DIRECTIONS
Only the lines from the top of the data through the one with "#158=IFCRELAGGREGATES('0000000000000000000018',$,$,$,#8,(#16));" are to be written out, each exactly as it stands.
Segment Start: DATA SHOWN
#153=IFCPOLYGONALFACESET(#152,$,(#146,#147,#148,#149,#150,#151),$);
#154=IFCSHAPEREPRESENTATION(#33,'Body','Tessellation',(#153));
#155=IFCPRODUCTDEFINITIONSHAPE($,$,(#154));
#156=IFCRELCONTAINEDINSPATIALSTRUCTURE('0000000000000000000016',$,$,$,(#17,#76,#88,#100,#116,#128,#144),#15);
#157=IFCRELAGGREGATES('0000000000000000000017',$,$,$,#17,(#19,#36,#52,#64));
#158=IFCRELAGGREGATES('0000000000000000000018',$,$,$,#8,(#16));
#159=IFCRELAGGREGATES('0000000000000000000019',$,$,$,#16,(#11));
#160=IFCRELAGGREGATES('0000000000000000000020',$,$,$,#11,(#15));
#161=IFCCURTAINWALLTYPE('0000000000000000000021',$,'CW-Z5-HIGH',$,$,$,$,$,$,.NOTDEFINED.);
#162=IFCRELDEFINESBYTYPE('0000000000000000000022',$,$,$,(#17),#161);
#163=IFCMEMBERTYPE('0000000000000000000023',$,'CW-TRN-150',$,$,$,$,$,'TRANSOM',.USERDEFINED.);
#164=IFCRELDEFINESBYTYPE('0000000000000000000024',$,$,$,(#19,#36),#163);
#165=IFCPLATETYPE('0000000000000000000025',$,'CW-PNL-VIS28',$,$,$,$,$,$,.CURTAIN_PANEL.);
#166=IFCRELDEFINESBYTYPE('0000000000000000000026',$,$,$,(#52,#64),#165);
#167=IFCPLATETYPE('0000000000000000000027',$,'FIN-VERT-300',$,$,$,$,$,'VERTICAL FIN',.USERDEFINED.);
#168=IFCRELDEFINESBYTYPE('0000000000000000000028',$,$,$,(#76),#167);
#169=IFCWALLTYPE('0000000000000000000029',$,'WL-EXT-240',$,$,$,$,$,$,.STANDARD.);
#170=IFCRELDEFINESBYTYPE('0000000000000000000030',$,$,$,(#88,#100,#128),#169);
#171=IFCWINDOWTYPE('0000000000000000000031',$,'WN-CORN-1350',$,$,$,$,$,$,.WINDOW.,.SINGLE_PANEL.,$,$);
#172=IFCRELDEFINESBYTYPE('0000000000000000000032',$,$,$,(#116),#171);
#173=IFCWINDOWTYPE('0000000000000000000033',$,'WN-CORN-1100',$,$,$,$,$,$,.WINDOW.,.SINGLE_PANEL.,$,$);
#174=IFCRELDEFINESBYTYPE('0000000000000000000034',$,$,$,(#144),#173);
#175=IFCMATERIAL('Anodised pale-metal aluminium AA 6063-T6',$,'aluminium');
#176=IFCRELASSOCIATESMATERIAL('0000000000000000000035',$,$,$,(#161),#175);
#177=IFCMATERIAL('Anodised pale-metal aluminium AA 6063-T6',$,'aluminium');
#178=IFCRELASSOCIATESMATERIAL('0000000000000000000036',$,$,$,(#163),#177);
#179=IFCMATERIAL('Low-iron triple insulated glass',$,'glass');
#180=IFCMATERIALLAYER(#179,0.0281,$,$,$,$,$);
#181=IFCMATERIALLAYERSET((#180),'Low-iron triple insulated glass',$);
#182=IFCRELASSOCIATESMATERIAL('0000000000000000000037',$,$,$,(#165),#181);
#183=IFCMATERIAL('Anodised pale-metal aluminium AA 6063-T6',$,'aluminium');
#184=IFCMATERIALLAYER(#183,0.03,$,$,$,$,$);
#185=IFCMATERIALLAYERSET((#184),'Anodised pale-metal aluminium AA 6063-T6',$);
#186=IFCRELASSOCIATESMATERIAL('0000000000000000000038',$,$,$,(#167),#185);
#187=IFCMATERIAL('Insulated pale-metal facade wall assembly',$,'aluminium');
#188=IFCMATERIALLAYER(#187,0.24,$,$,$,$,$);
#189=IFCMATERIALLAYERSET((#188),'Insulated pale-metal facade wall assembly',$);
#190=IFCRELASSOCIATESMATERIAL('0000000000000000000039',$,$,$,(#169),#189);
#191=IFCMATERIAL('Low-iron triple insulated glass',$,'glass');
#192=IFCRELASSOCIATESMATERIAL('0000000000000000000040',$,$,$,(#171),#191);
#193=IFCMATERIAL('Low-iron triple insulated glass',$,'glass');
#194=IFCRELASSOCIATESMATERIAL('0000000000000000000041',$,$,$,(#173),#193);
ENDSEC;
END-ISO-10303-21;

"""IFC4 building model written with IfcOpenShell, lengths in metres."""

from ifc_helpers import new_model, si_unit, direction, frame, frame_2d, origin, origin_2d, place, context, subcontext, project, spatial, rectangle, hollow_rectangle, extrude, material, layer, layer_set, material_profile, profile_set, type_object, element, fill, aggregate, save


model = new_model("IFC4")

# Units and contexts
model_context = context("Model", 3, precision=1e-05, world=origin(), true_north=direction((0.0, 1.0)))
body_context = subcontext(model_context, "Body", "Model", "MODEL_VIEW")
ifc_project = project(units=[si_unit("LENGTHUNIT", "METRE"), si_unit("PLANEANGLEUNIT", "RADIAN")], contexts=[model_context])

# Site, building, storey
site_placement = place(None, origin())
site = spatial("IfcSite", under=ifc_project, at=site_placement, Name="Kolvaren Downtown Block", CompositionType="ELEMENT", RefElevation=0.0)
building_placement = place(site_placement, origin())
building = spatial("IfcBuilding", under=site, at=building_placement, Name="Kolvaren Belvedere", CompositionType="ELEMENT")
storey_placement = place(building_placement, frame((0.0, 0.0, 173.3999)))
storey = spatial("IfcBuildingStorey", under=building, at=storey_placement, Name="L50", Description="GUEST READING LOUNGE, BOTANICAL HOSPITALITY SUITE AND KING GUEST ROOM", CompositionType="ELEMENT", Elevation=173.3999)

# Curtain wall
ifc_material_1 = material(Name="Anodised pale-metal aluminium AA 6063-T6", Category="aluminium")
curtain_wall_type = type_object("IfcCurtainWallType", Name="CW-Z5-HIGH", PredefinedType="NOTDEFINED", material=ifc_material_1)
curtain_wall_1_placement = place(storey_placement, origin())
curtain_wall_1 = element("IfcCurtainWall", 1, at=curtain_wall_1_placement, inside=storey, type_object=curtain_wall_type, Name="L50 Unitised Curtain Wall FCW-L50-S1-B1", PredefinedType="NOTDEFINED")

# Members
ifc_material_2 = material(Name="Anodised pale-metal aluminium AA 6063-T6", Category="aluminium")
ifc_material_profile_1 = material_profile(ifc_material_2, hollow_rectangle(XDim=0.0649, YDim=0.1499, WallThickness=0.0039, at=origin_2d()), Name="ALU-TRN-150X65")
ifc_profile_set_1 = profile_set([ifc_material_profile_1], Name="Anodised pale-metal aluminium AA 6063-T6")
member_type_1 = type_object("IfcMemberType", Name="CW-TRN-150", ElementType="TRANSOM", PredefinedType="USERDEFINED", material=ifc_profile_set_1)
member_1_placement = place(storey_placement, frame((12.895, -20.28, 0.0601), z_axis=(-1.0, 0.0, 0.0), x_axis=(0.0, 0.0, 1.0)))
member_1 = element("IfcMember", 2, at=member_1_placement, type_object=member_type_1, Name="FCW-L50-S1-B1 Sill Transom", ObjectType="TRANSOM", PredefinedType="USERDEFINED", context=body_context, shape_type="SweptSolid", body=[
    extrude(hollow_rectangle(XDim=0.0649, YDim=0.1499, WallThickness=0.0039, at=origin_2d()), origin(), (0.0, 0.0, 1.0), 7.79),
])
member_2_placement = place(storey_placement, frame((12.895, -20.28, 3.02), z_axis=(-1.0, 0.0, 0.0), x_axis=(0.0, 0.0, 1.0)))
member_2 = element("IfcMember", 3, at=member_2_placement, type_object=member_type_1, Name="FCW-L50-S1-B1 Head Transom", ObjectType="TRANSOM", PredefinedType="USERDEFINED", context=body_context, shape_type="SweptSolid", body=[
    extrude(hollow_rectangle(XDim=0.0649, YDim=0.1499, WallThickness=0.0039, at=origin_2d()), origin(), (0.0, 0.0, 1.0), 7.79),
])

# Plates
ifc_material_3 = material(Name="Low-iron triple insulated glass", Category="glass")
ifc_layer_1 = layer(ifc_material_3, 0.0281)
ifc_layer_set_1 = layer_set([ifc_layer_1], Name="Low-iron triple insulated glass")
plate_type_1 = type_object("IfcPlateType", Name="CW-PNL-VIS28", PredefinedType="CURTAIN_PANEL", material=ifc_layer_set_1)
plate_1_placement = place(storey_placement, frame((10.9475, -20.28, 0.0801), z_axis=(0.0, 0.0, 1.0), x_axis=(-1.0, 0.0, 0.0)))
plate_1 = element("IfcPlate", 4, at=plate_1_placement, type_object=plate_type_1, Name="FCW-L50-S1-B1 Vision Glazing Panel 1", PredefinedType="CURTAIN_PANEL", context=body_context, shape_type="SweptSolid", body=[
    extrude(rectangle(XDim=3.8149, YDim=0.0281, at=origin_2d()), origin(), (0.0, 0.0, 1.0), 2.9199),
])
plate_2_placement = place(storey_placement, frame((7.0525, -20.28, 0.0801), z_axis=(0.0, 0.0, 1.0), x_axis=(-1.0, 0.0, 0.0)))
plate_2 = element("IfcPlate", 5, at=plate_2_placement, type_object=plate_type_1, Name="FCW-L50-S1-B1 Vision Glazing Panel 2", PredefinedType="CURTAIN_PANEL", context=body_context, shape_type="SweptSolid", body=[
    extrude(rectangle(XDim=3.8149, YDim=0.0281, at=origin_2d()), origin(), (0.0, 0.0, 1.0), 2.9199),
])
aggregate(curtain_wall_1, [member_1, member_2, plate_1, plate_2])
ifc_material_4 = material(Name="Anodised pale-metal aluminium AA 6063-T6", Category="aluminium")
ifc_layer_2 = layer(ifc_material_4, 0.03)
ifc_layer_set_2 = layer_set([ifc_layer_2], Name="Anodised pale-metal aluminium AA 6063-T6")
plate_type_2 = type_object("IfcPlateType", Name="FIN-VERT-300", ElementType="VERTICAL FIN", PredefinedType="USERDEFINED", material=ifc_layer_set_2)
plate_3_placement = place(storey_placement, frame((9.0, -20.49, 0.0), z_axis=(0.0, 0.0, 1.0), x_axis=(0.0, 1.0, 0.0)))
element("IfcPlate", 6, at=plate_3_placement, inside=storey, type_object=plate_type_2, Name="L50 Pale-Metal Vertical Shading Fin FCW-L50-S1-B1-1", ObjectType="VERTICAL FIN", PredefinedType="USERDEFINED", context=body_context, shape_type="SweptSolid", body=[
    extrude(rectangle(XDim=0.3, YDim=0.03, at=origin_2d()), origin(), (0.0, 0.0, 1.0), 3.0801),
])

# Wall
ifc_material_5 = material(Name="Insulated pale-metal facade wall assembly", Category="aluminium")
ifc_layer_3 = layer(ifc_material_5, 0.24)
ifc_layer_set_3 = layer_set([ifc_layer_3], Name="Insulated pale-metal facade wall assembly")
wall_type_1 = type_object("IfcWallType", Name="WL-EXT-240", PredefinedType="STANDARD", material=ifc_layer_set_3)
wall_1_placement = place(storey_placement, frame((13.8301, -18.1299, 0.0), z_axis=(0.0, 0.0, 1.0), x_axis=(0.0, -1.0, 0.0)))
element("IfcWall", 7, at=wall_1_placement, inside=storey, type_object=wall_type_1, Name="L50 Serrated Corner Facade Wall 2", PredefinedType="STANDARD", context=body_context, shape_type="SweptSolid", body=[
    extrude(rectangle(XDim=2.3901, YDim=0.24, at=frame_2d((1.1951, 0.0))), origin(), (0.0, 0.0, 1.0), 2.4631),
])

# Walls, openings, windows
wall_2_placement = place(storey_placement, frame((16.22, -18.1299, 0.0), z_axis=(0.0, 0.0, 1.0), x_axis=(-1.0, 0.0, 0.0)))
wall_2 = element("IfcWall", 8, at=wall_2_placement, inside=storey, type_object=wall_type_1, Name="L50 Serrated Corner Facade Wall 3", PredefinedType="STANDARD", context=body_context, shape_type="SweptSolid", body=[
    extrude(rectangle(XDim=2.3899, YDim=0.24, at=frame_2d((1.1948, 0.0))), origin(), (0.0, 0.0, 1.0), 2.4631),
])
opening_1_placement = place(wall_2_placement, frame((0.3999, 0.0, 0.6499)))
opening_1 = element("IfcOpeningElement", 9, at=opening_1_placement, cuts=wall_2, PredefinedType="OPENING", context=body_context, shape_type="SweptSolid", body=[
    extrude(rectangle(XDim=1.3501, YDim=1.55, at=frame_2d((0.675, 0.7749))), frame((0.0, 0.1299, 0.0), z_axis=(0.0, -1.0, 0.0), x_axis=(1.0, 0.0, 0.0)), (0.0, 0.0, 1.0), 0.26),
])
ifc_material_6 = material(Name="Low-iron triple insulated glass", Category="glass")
Segment End: DATA SHOWN
REPLY
#153=IFCPOLYGONALFACESET(#152,$,(#146,#147,#148,#149,#150,#151),$);
#154=IFCSHAPEREPRESENTATION(#33,'Body','Tessellation',(#153));
#155=IFCPRODUCTDEFINITIONSHAPE($,$,(#154));
#156=IFCRELCONTAINEDINSPATIALSTRUCTURE('0000000000000000000016',$,$,$,(#17,#76,#88,#100,#116,#128,#144),#15);
#157=IFCRELAGGREGATES('0000000000000000000017',$,$,$,#17,(#19,#36,#52,#64));
#158=IFCRELAGGREGATES('0000000000000000000018',$,$,$,#8,(#16));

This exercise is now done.